** Entries provided **

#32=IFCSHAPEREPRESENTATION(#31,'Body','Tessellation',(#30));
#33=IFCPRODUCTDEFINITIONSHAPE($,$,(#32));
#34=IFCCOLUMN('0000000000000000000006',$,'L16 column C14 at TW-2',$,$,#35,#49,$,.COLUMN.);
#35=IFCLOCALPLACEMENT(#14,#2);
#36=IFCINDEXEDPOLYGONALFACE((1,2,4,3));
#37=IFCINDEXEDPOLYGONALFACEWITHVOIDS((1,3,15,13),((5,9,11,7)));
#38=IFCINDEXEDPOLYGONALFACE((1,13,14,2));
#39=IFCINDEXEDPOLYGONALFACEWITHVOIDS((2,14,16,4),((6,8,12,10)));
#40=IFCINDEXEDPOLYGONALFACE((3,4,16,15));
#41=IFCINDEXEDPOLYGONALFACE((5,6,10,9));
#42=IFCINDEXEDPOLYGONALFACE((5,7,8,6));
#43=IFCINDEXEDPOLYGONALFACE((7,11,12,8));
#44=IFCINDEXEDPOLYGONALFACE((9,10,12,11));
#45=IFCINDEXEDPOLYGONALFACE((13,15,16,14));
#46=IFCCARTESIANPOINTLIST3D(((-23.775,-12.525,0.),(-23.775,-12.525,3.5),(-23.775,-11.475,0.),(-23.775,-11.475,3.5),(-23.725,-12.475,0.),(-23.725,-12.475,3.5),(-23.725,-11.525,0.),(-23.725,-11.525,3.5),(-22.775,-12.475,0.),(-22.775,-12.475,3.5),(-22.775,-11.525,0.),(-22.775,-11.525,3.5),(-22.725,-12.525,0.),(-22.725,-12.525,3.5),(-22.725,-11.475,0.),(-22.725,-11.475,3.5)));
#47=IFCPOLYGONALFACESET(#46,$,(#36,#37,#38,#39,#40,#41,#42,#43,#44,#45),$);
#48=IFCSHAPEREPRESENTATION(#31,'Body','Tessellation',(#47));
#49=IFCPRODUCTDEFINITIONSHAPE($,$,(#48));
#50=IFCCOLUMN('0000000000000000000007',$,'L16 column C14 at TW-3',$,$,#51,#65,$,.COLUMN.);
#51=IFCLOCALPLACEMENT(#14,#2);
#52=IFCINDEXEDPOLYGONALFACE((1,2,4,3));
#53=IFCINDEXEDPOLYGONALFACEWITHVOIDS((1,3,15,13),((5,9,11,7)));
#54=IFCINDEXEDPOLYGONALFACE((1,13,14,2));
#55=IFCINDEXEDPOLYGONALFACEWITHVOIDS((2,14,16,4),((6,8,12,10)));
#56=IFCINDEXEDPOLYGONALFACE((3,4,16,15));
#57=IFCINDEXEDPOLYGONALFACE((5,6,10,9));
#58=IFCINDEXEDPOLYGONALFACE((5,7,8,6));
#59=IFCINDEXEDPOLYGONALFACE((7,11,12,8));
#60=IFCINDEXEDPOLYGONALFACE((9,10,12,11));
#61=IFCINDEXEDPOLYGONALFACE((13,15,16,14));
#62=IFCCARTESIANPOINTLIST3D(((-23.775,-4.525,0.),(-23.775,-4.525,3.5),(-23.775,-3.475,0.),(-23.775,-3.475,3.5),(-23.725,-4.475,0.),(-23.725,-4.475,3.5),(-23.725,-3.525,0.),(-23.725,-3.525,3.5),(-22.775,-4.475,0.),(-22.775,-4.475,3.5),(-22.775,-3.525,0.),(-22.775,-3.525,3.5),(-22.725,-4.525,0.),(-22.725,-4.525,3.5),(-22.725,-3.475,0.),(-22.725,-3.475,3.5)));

** Description of the task **
In the entries above, copy each line that contains the string "COLUMN".

** Exercise output **
#34=IFCCOLUMN('0000000000000000000006',$,'L16 column C14 at TW-2',$,$,#35,#49,$,.COLUMN.);
#50=IFCCOLUMN('0000000000000000000007',$,'L16 column C14 at TW-3',$,$,#51,#65,$,.COLUMN.);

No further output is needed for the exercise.